From the entries below, transcribe exactly the lines between the line holding "#191=IFCRELAGGREGATES('0000000000000000000014',$,$,$,#8,(#16));" and the line holding "floor girder 600x350',$,$,$,$,$,.BEAM.);", inclusive; skip all other lines.

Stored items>

--- --- ---

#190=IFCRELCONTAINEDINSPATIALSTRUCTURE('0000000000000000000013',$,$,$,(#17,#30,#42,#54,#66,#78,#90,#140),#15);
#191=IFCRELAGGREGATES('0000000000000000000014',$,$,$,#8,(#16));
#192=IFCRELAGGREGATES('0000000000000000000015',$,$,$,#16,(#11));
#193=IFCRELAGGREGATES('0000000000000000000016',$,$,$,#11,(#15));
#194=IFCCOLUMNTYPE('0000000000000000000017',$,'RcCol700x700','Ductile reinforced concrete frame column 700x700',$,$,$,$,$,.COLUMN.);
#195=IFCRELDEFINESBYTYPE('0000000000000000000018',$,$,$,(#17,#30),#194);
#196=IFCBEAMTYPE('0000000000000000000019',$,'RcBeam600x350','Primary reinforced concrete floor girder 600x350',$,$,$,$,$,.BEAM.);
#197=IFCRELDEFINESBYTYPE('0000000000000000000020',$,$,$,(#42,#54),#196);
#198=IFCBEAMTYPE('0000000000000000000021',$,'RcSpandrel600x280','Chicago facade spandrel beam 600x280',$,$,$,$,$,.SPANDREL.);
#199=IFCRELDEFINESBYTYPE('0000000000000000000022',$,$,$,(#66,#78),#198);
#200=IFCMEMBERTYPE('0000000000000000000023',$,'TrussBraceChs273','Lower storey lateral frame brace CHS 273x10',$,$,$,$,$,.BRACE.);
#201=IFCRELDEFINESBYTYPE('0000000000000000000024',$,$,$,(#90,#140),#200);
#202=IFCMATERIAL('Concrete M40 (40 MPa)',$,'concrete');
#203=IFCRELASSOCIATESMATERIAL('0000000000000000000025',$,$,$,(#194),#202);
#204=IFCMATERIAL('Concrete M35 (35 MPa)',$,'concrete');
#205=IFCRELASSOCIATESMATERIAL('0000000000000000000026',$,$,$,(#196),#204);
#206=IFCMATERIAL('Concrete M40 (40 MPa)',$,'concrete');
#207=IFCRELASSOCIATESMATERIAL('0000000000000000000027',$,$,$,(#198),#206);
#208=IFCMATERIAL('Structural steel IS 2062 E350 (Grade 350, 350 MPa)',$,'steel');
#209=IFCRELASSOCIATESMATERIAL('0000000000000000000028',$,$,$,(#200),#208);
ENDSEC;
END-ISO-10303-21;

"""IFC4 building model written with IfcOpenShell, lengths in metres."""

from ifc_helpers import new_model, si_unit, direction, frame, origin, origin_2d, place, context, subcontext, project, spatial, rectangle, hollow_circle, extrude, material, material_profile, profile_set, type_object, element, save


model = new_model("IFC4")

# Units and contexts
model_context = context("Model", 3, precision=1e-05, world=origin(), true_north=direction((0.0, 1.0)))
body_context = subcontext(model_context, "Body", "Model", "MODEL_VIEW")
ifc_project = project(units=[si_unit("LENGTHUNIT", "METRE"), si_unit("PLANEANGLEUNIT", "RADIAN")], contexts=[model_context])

--- --- ---

FINISHED TASK>
#191=IFCRELAGGREGATES('0000000000000000000014',$,$,$,#8,(#16));
#192=IFCRELAGGREGATES('0000000000000000000015',$,$,$,#16,(#11));
#193=IFCRELAGGREGATES('0000000000000000000016',$,$,$,#11,(#15));
#194=IFCCOLUMNTYPE('0000000000000000000017',$,'RcCol700x700','Ductile reinforced concrete frame column 700x700',$,$,$,$,$,.COLUMN.);
#195=IFCRELDEFINESBYTYPE('0000000000000000000018',$,$,$,(#17,#30),#194);
#196=IFCBEAMTYPE('0000000000000000000019',$,'RcBeam600x350','Primary reinforced concrete floor girder 600x350',$,$,$,$,$,.BEAM.);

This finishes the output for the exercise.